(Required action)
Please quote exactly the lines below from the line containing "#105=IFCINDEXEDPOLYGONALFACE((17,21,22,18));" to the line containing "#111=IFCINDEXEDPOLYGONALFACE((29,33,34,30));", both lines included, and nothing else.

[Records drawn from a dataset]
§ §

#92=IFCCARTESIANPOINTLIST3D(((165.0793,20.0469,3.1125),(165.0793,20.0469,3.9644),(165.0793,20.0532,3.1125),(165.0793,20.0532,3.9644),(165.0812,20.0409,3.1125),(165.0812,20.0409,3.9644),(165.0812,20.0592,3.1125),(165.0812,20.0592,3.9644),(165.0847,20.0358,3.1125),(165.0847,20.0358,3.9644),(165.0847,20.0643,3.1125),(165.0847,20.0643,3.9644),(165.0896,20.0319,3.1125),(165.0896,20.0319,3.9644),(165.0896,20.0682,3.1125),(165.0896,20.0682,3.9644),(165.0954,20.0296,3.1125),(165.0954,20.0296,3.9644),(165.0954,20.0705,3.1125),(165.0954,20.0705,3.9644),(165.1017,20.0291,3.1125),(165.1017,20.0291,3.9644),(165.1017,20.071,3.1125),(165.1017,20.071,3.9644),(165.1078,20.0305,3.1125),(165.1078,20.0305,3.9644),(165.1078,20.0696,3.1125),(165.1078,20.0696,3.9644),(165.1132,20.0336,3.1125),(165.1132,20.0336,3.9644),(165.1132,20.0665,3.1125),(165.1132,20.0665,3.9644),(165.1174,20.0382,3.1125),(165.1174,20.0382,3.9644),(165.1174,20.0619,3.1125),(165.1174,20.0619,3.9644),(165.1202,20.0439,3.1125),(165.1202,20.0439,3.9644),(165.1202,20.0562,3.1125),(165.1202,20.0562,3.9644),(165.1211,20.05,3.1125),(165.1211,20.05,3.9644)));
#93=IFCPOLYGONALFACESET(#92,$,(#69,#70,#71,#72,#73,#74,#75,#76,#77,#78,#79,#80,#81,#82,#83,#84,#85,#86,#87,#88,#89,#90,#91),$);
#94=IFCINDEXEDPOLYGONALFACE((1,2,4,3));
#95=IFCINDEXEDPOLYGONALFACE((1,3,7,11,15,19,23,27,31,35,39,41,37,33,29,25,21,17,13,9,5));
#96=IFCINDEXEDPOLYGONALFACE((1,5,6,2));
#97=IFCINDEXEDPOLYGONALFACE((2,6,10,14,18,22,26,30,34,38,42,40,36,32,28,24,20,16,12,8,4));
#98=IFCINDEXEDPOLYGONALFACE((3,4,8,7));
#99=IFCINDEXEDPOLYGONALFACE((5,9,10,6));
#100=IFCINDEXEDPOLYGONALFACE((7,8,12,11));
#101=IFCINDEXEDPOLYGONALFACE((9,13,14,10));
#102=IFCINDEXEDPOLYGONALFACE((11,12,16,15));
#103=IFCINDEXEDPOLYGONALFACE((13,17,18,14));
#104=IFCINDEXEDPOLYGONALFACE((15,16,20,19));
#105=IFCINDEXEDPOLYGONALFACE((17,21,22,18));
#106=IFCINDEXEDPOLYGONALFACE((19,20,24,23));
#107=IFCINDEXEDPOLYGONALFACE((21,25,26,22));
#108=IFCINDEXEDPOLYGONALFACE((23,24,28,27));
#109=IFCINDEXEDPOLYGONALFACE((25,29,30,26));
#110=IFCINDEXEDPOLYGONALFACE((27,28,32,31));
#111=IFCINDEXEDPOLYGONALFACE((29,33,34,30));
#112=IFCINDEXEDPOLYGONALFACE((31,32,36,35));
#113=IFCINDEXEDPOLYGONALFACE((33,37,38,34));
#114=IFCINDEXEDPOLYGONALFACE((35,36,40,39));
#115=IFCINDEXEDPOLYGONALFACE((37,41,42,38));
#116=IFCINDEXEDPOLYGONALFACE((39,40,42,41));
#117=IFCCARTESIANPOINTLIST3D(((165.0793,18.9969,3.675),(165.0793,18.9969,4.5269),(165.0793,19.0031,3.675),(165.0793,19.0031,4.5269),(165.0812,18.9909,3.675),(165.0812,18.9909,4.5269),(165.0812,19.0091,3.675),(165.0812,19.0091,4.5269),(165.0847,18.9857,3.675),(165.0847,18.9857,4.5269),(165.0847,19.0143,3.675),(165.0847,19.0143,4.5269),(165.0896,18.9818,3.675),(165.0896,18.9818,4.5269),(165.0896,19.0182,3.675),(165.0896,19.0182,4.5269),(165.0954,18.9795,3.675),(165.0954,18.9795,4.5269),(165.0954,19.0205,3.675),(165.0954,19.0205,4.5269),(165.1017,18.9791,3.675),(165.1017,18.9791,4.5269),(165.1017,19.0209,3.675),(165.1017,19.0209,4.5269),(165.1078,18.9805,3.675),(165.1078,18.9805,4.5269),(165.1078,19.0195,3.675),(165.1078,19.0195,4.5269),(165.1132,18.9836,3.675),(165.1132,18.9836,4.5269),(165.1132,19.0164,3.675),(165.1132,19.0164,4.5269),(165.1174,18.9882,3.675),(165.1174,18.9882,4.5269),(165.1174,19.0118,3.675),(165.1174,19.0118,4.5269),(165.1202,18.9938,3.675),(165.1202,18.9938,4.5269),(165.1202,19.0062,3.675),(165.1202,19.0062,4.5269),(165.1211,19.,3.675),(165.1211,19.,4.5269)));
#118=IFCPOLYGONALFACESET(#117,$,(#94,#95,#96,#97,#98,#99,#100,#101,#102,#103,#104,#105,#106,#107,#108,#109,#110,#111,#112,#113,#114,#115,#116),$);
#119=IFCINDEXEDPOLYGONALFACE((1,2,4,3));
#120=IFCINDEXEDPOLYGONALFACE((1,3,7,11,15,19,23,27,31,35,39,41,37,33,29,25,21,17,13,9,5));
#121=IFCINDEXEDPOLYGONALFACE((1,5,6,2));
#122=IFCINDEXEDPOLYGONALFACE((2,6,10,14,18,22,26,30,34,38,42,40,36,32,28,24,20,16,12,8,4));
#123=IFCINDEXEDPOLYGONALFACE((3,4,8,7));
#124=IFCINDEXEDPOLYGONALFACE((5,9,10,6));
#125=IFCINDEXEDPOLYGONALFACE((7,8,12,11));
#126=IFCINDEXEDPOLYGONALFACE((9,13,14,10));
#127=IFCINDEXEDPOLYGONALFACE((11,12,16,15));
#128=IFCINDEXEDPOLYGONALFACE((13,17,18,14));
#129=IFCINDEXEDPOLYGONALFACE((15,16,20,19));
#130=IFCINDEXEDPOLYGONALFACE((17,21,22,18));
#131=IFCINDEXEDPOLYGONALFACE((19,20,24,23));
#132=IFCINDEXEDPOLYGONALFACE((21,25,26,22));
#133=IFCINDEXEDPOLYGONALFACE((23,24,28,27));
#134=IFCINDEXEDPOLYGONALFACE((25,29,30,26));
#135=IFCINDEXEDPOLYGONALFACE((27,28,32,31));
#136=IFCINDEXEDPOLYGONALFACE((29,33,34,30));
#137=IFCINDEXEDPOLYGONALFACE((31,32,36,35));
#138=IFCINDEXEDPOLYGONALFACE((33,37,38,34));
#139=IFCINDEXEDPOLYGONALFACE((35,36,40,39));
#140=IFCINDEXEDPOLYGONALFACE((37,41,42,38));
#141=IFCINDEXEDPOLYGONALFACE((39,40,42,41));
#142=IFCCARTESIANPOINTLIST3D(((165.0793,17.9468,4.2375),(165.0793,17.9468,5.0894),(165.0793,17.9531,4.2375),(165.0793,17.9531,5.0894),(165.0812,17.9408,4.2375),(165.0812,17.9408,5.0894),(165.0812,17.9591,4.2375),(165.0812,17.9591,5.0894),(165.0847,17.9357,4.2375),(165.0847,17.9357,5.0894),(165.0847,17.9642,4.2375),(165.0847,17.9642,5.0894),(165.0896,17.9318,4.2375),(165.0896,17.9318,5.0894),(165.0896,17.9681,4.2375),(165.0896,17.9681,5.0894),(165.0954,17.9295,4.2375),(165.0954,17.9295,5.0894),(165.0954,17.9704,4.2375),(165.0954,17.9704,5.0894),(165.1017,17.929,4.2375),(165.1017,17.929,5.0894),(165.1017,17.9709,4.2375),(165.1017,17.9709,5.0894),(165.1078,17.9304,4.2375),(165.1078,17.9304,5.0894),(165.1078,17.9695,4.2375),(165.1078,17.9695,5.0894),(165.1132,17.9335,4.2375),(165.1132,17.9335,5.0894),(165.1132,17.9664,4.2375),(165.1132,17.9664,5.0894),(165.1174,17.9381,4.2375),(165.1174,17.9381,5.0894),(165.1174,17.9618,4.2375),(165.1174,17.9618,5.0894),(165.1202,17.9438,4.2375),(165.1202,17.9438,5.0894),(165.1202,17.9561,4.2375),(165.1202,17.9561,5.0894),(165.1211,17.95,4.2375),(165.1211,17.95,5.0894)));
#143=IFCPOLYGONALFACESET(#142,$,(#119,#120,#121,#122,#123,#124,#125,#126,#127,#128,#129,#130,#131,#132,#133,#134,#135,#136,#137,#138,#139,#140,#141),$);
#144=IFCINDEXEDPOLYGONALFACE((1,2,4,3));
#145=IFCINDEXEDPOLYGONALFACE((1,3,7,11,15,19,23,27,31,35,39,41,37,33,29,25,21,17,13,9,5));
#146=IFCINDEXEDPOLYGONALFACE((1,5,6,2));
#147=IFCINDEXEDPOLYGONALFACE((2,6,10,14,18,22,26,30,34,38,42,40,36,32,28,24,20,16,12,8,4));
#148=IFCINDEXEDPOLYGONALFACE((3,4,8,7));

§ §

(Task solution)
#105=IFCINDEXEDPOLYGONALFACE((17,21,22,18));
#106=IFCINDEXEDPOLYGONALFACE((19,20,24,23));
#107=IFCINDEXEDPOLYGONALFACE((21,25,26,22));
#108=IFCINDEXEDPOLYGONALFACE((23,24,28,27));
#109=IFCINDEXEDPOLYGONALFACE((25,29,30,26));
#110=IFCINDEXEDPOLYGONALFACE((27,28,32,31));
#111=IFCINDEXEDPOLYGONALFACE((29,33,34,30));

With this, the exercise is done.